Write the records out again. Match them exactly.

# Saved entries

============================================================

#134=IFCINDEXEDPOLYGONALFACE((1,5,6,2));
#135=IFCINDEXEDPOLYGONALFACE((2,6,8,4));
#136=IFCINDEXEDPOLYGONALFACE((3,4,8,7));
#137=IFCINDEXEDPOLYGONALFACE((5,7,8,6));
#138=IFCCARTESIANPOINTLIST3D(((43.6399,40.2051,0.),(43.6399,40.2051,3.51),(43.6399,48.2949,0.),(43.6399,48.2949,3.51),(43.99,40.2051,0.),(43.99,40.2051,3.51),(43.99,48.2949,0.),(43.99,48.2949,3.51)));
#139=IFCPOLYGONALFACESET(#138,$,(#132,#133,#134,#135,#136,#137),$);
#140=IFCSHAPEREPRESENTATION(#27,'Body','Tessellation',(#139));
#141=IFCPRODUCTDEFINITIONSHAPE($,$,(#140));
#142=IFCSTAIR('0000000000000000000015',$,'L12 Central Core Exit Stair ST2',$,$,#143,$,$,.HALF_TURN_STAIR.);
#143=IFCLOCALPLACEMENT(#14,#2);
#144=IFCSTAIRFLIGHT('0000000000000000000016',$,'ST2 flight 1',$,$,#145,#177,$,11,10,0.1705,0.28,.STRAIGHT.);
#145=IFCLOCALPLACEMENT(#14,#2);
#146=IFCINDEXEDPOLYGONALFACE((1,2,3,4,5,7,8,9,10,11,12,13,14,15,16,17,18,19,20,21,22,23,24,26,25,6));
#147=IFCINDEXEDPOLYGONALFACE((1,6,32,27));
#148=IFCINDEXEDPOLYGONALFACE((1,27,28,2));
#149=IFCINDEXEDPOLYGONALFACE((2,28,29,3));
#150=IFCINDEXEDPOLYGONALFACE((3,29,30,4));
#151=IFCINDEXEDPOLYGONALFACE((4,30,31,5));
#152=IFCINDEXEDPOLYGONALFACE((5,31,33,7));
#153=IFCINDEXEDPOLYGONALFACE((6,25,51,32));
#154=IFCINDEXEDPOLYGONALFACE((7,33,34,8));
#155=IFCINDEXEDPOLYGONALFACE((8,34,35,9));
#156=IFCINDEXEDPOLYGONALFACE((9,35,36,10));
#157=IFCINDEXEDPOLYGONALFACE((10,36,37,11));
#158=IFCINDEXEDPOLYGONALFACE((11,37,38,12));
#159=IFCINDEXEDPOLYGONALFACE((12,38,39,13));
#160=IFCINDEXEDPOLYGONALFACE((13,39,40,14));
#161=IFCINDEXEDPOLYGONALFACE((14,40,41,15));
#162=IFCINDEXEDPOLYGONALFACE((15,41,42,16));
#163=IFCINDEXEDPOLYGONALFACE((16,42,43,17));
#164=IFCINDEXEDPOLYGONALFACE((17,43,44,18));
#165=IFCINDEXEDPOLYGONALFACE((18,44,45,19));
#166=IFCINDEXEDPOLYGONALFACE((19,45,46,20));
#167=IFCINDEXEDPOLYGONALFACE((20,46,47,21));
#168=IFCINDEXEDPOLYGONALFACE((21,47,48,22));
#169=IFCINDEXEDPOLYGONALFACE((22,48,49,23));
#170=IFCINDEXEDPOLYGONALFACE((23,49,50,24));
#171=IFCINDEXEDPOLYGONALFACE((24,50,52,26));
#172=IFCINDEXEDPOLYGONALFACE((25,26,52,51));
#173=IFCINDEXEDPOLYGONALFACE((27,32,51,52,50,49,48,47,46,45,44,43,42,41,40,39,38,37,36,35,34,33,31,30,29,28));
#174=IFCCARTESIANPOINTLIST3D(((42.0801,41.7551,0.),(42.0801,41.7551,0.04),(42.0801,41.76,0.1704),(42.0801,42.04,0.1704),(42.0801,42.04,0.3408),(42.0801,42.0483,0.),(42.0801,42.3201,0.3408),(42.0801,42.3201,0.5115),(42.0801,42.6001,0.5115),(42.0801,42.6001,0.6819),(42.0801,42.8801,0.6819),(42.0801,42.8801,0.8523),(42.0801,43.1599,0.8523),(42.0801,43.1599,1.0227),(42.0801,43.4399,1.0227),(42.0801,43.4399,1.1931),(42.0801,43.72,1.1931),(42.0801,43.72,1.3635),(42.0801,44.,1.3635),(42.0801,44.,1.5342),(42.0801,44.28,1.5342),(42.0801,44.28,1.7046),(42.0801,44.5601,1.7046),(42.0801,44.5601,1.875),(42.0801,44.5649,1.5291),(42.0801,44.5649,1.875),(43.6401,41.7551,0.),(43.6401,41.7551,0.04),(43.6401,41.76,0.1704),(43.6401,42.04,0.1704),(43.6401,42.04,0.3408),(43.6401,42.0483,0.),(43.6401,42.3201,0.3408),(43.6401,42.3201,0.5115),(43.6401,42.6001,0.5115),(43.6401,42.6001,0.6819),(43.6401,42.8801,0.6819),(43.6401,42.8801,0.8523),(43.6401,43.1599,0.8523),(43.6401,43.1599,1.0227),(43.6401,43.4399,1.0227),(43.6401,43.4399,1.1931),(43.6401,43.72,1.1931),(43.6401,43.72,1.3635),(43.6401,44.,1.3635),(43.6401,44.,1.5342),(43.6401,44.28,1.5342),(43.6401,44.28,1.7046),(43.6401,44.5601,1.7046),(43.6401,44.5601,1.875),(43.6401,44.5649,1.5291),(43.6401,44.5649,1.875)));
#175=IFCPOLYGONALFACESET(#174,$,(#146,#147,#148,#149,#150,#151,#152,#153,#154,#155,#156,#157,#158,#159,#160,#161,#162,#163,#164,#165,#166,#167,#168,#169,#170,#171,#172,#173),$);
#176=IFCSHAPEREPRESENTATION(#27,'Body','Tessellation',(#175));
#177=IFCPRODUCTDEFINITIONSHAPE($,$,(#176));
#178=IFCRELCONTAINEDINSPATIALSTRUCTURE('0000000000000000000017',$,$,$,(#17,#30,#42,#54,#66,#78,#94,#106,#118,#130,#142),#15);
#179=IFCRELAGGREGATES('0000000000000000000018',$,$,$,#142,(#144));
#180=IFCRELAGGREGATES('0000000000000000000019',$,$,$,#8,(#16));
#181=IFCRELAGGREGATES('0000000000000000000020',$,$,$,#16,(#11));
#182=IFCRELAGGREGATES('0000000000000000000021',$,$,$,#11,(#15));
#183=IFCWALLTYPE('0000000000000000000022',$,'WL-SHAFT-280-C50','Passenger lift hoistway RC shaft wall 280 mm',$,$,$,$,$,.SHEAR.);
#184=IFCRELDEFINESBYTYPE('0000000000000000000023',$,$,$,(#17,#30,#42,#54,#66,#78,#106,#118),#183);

============================================================

# Result
#134=IFCINDEXEDPOLYGONALFACE((1,5,6,2));
#135=IFCINDEXEDPOLYGONALFACE((2,6,8,4));
#136=IFCINDEXEDPOLYGONALFACE((3,4,8,7));
#137=IFCINDEXEDPOLYGONALFACE((5,7,8,6));
#138=IFCCARTESIANPOINTLIST3D(((43.6399,40.2051,0.),(43.6399,40.2051,3.51),(43.6399,48.2949,0.),(43.6399,48.2949,3.51),(43.99,40.2051,0.),(43.99,40.2051,3.51),(43.99,48.2949,0.),(43.99,48.2949,3.51)));
#139=IFCPOLYGONALFACESET(#138,$,(#132,#133,#134,#135,#136,#137),$);
#140=IFCSHAPEREPRESENTATION(#27,'Body','Tessellation',(#139));
#141=IFCPRODUCTDEFINITIONSHAPE($,$,(#140));
#142=IFCSTAIR('0000000000000000000015',$,'L12 Central Core Exit Stair ST2',$,$,#143,$,$,.HALF_TURN_STAIR.);
#143=IFCLOCALPLACEMENT(#14,#2);
#144=IFCSTAIRFLIGHT('0000000000000000000016',$,'ST2 flight 1',$,$,#145,#177,$,11,10,0.1705,0.28,.STRAIGHT.);
#145=IFCLOCALPLACEMENT(#14,#2);
#146=IFCINDEXEDPOLYGONALFACE((1,2,3,4,5,7,8,9,10,11,12,13,14,15,16,17,18,19,20,21,22,23,24,26,25,6));
#147=IFCINDEXEDPOLYGONALFACE((1,6,32,27));
#148=IFCINDEXEDPOLYGONALFACE((1,27,28,2));
#149=IFCINDEXEDPOLYGONALFACE((2,28,29,3));
#150=IFCINDEXEDPOLYGONALFACE((3,29,30,4));
#151=IFCINDEXEDPOLYGONALFACE((4,30,31,5));
#152=IFCINDEXEDPOLYGONALFACE((5,31,33,7));
#153=IFCINDEXEDPOLYGONALFACE((6,25,51,32));
#154=IFCINDEXEDPOLYGONALFACE((7,33,34,8));
#155=IFCINDEXEDPOLYGONALFACE((8,34,35,9));
#156=IFCINDEXEDPOLYGONALFACE((9,35,36,10));
#157=IFCINDEXEDPOLYGONALFACE((10,36,37,11));
#158=IFCINDEXEDPOLYGONALFACE((11,37,38,12));
#159=IFCINDEXEDPOLYGONALFACE((12,38,39,13));
#160=IFCINDEXEDPOLYGONALFACE((13,39,40,14));
#161=IFCINDEXEDPOLYGONALFACE((14,40,41,15));
#162=IFCINDEXEDPOLYGONALFACE((15,41,42,16));
#163=IFCINDEXEDPOLYGONALFACE((16,42,43,17));
#164=IFCINDEXEDPOLYGONALFACE((17,43,44,18));
#165=IFCINDEXEDPOLYGONALFACE((18,44,45,19));
#166=IFCINDEXEDPOLYGONALFACE((19,45,46,20));
#167=IFCINDEXEDPOLYGONALFACE((20,46,47,21));
#168=IFCINDEXEDPOLYGONALFACE((21,47,48,22));
#169=IFCINDEXEDPOLYGONALFACE((22,48,49,23));
#170=IFCINDEXEDPOLYGONALFACE((23,49,50,24));
#171=IFCINDEXEDPOLYGONALFACE((24,50,52,26));
#172=IFCINDEXEDPOLYGONALFACE((25,26,52,51));
#173=IFCINDEXEDPOLYGONALFACE((27,32,51,52,50,49,48,47,46,45,44,43,42,41,40,39,38,37,36,35,34,33,31,30,29,28));
#174=IFCCARTESIANPOINTLIST3D(((42.0801,41.7551,0.),(42.0801,41.7551,0.04),(42.0801,41.76,0.1704),(42.0801,42.04,0.1704),(42.0801,42.04,0.3408),(42.0801,42.0483,0.),(42.0801,42.3201,0.3408),(42.0801,42.3201,0.5115),(42.0801,42.6001,0.5115),(42.0801,42.6001,0.6819),(42.0801,42.8801,0.6819),(42.0801,42.8801,0.8523),(42.0801,43.1599,0.8523),(42.0801,43.1599,1.0227),(42.0801,43.4399,1.0227),(42.0801,43.4399,1.1931),(42.0801,43.72,1.1931),(42.0801,43.72,1.3635),(42.0801,44.,1.3635),(42.0801,44.,1.5342),(42.0801,44.28,1.5342),(42.0801,44.28,1.7046),(42.0801,44.5601,1.7046),(42.0801,44.5601,1.875),(42.0801,44.5649,1.5291),(42.0801,44.5649,1.875),(43.6401,41.7551,0.),(43.6401,41.7551,0.04),(43.6401,41.76,0.1704),(43.6401,42.04,0.1704),(43.6401,42.04,0.3408),(43.6401,42.0483,0.),(43.6401,42.3201,0.3408),(43.6401,42.3201,0.5115),(43.6401,42.6001,0.5115),(43.6401,42.6001,0.6819),(43.6401,42.8801,0.6819),(43.6401,42.8801,0.8523),(43.6401,43.1599,0.8523),(43.6401,43.1599,1.0227),(43.6401,43.4399,1.0227),(43.6401,43.4399,1.1931),(43.6401,43.72,1.1931),(43.6401,43.72,1.3635),(43.6401,44.,1.3635),(43.6401,44.,1.5342),(43.6401,44.28,1.5342),(43.6401,44.28,1.7046),(43.6401,44.5601,1.7046),(43.6401,44.5601,1.875),(43.6401,44.5649,1.5291),(43.6401,44.5649,1.875)));
#175=IFCPOLYGONALFACESET(#174,$,(#146,#147,#148,#149,#150,#151,#152,#153,#154,#155,#156,#157,#158,#159,#160,#161,#162,#163,#164,#165,#166,#167,#168,#169,#170,#171,#172,#173),$);
#176=IFCSHAPEREPRESENTATION(#27,'Body','Tessellation',(#175));
#177=IFCPRODUCTDEFINITIONSHAPE($,$,(#176));
#178=IFCRELCONTAINEDINSPATIALSTRUCTURE('0000000000000000000017',$,$,$,(#17,#30,#42,#54,#66,#78,#94,#106,#118,#130,#142),#15);
#179=IFCRELAGGREGATES('0000000000000000000018',$,$,$,#142,(#144));
#180=IFCRELAGGREGATES('0000000000000000000019',$,$,$,#8,(#16));
#181=IFCRELAGGREGATES('0000000000000000000020',$,$,$,#16,(#11));
#182=IFCRELAGGREGATES('0000000000000000000021',$,$,$,#11,(#15));
#183=IFCWALLTYPE('0000000000000000000022',$,'WL-SHAFT-280-C50','Passenger lift hoistway RC shaft wall 280 mm',$,$,$,$,$,.SHEAR.);
#184=IFCRELDEFINESBYTYPE('0000000000000000000023',$,$,$,(#17,#30,#42,#54,#66,#78,#106,#118),#183);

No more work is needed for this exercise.